• _What the exercise asks_: Nothing in the records that follow should differ once you have copied them out.
--- Material provided ---
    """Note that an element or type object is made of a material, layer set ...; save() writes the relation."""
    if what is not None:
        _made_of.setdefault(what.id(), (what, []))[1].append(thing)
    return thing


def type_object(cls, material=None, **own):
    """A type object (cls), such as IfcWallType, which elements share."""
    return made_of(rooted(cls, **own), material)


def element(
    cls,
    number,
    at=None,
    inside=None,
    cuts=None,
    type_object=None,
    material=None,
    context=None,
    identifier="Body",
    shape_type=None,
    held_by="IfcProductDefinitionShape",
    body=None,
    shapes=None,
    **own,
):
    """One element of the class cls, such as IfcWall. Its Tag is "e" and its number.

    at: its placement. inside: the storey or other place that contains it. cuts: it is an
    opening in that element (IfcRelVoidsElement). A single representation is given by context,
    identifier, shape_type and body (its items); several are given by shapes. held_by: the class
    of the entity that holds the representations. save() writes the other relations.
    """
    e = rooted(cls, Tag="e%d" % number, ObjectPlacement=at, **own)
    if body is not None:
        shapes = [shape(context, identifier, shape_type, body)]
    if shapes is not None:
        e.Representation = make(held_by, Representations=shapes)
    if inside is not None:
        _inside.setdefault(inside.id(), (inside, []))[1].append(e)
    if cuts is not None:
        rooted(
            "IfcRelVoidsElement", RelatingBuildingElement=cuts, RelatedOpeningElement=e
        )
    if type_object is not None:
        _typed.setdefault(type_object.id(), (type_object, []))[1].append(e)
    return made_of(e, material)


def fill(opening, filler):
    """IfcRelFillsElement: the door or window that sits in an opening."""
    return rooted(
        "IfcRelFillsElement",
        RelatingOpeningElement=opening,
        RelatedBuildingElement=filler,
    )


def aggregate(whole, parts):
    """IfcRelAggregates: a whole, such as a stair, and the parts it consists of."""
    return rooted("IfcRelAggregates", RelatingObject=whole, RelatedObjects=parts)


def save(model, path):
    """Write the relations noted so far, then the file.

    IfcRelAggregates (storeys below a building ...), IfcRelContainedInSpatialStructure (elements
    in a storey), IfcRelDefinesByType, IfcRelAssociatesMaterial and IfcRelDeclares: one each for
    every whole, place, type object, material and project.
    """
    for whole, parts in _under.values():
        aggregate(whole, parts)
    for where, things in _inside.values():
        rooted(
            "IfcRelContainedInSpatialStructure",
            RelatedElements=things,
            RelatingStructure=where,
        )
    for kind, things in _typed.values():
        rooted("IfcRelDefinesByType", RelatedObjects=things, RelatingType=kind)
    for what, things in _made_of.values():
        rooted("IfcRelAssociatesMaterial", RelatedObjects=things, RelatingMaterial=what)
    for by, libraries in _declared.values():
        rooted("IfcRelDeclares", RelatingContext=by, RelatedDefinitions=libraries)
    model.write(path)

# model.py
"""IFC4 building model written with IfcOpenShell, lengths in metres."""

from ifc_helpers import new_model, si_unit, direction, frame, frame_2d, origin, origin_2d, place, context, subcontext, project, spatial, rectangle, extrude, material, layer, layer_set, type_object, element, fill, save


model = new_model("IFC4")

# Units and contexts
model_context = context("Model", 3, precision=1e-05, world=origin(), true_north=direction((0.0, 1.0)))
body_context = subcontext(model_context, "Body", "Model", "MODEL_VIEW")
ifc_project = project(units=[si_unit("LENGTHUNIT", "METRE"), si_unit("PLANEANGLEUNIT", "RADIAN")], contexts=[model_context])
---
• _Response for this exercise_:
    """Note that an element or type object is made of a material, layer set ...; save() writes the relation."""
    if what is not None:
        _made_of.setdefault(what.id(), (what, []))[1].append(thing)
    return thing


def type_object(cls, material=None, **own):
    """A type object (cls), such as IfcWallType, which elements share."""
    return made_of(rooted(cls, **own), material)


def element(
    cls,
    number,
    at=None,
    inside=None,
    cuts=None,
    type_object=None,
    material=None,
    context=None,
    identifier="Body",
    shape_type=None,
    held_by="IfcProductDefinitionShape",
    body=None,
    shapes=None,
    **own,
):
    """One element of the class cls, such as IfcWall. Its Tag is "e" and its number.

    at: its placement. inside: the storey or other place that contains it. cuts: it is an
    opening in that element (IfcRelVoidsElement). A single representation is given by context,
    identifier, shape_type and body (its items); several are given by shapes. held_by: the class
    of the entity that holds the representations. save() writes the other relations.
    """
    e = rooted(cls, Tag="e%d" % number, ObjectPlacement=at, **own)
    if body is not None:
        shapes = [shape(context, identifier, shape_type, body)]
    if shapes is not None:
        e.Representation = make(held_by, Representations=shapes)
    if inside is not None:
        _inside.setdefault(inside.id(), (inside, []))[1].append(e)
    if cuts is not None:
        rooted(
            "IfcRelVoidsElement", RelatingBuildingElement=cuts, RelatedOpeningElement=e
        )
    if type_object is not None:
        _typed.setdefault(type_object.id(), (type_object, []))[1].append(e)
    return made_of(e, material)


def fill(opening, filler):
    """IfcRelFillsElement: the door or window that sits in an opening."""
    return rooted(
        "IfcRelFillsElement",
        RelatingOpeningElement=opening,
        RelatedBuildingElement=filler,
    )


def aggregate(whole, parts):
    """IfcRelAggregates: a whole, such as a stair, and the parts it consists of."""
    return rooted("IfcRelAggregates", RelatingObject=whole, RelatedObjects=parts)


def save(model, path):
    """Write the relations noted so far, then the file.

    IfcRelAggregates (storeys below a building ...), IfcRelContainedInSpatialStructure (elements
    in a storey), IfcRelDefinesByType, IfcRelAssociatesMaterial and IfcRelDeclares: one each for
    every whole, place, type object, material and project.
    """
    for whole, parts in _under.values():
        aggregate(whole, parts)
    for where, things in _inside.values():
        rooted(
            "IfcRelContainedInSpatialStructure",
            RelatedElements=things,
            RelatingStructure=where,
        )
    for kind, things in _typed.values():
        rooted("IfcRelDefinesByType", RelatedObjects=things, RelatingType=kind)
    for what, things in _made_of.values():
        rooted("IfcRelAssociatesMaterial", RelatedObjects=things, RelatingMaterial=what)
    for by, libraries in _declared.values():
        rooted("IfcRelDeclares", RelatingContext=by, RelatedDefinitions=libraries)
    model.write(path)

# model.py
"""IFC4 building model written with IfcOpenShell, lengths in metres."""

from ifc_helpers import new_model, si_unit, direction, frame, frame_2d, origin, origin_2d, place, context, subcontext, project, spatial, rectangle, extrude, material, layer, layer_set, type_object, element, fill, save


model = new_model("IFC4")

# Units and contexts
model_context = context("Model", 3, precision=1e-05, world=origin(), true_north=direction((0.0, 1.0)))
body_context = subcontext(model_context, "Body", "Model", "MODEL_VIEW")
ifc_project = project(units=[si_unit("LENGTHUNIT", "METRE"), si_unit("PLANEANGLEUNIT", "RADIAN")], contexts=[model_context])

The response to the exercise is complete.